(Collected data entries)
•••••
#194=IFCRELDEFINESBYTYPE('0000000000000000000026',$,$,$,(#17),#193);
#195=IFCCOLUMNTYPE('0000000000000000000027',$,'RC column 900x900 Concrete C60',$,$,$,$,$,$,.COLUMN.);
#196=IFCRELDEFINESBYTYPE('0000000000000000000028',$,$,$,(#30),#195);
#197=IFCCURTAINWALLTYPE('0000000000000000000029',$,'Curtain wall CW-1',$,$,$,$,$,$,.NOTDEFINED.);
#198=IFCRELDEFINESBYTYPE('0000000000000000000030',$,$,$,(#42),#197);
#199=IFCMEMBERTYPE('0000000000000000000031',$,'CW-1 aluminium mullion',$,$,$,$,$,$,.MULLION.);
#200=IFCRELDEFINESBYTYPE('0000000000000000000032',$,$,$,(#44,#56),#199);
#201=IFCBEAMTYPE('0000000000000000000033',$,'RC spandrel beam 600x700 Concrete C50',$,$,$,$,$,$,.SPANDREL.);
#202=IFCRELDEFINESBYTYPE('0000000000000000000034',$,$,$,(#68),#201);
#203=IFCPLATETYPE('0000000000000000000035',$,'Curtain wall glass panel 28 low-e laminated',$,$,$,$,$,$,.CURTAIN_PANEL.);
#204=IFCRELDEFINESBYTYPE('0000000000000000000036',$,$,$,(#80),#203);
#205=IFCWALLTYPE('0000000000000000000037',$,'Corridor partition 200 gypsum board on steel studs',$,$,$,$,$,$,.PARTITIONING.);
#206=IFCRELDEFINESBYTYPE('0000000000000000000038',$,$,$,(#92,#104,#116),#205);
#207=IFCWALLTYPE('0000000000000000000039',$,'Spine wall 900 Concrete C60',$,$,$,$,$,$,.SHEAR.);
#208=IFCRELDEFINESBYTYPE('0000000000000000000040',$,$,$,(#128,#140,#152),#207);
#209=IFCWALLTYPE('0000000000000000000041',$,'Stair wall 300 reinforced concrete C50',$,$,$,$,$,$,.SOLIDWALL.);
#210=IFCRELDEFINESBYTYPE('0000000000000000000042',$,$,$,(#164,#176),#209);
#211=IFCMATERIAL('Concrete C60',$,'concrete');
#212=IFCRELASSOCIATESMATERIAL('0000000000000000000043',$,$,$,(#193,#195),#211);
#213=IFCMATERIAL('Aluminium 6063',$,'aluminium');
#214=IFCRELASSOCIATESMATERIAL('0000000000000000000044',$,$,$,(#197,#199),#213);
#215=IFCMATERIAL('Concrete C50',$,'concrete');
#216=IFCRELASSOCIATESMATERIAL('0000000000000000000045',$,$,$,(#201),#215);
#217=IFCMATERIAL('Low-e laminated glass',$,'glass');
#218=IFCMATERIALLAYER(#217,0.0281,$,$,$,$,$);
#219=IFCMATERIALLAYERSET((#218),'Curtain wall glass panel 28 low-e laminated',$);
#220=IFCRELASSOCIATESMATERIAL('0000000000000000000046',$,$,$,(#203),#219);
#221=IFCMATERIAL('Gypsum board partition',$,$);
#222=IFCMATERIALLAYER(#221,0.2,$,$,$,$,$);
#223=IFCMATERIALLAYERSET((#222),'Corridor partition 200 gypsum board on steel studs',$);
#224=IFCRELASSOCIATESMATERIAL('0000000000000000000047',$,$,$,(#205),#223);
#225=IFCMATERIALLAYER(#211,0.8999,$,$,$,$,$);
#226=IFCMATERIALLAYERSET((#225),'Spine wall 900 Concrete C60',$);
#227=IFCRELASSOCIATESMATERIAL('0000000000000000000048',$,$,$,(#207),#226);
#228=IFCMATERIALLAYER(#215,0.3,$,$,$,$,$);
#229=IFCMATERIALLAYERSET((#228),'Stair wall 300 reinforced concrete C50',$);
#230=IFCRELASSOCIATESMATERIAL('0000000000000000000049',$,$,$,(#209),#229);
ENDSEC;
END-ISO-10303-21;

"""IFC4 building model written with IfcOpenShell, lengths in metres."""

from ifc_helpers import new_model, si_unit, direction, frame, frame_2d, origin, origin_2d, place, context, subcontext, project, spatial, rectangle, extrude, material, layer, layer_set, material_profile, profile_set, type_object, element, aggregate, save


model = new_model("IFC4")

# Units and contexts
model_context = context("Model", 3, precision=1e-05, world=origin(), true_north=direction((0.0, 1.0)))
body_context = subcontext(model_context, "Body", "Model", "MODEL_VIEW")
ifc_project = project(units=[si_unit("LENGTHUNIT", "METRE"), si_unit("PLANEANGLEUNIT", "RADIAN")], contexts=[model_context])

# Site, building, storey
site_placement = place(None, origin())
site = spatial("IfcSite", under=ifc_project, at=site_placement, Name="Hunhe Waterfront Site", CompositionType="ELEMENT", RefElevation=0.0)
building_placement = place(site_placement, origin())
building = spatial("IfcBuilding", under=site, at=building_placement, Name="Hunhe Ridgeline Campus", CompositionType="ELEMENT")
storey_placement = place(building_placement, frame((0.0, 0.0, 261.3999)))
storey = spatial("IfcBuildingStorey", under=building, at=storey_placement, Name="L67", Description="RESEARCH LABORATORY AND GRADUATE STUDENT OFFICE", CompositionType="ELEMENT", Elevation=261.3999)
•••••
What to work on
Write down exactly the span of lines above from the one containing "#228=IFCMATERIALLAYER(#215,0.3,$,$,$,$,$);" to the one containing "building_placement = place(site_placement, origin())", both ends included.

Your solution
#228=IFCMATERIALLAYER(#215,0.3,$,$,$,$,$);
#229=IFCMATERIALLAYERSET((#228),'Stair wall 300 reinforced concrete C50',$);
#230=IFCRELASSOCIATESMATERIAL('0000000000000000000049',$,$,$,(#209),#229);
ENDSEC;
END-ISO-10303-21;

"""IFC4 building model written with IfcOpenShell, lengths in metres."""

from ifc_helpers import new_model, si_unit, direction, frame, frame_2d, origin, origin_2d, place, context, subcontext, project, spatial, rectangle, extrude, material, layer, layer_set, material_profile, profile_set, type_object, element, aggregate, save


model = new_model("IFC4")

# Units and contexts
model_context = context("Model", 3, precision=1e-05, world=origin(), true_north=direction((0.0, 1.0)))
body_context = subcontext(model_context, "Body", "Model", "MODEL_VIEW")
ifc_project = project(units=[si_unit("LENGTHUNIT", "METRE"), si_unit("PLANEANGLEUNIT", "RADIAN")], contexts=[model_context])

# Site, building, storey
site_placement = place(None, origin())
site = spatial("IfcSite", under=ifc_project, at=site_placement, Name="Hunhe Waterfront Site", CompositionType="ELEMENT", RefElevation=0.0)
building_placement = place(site_placement, origin())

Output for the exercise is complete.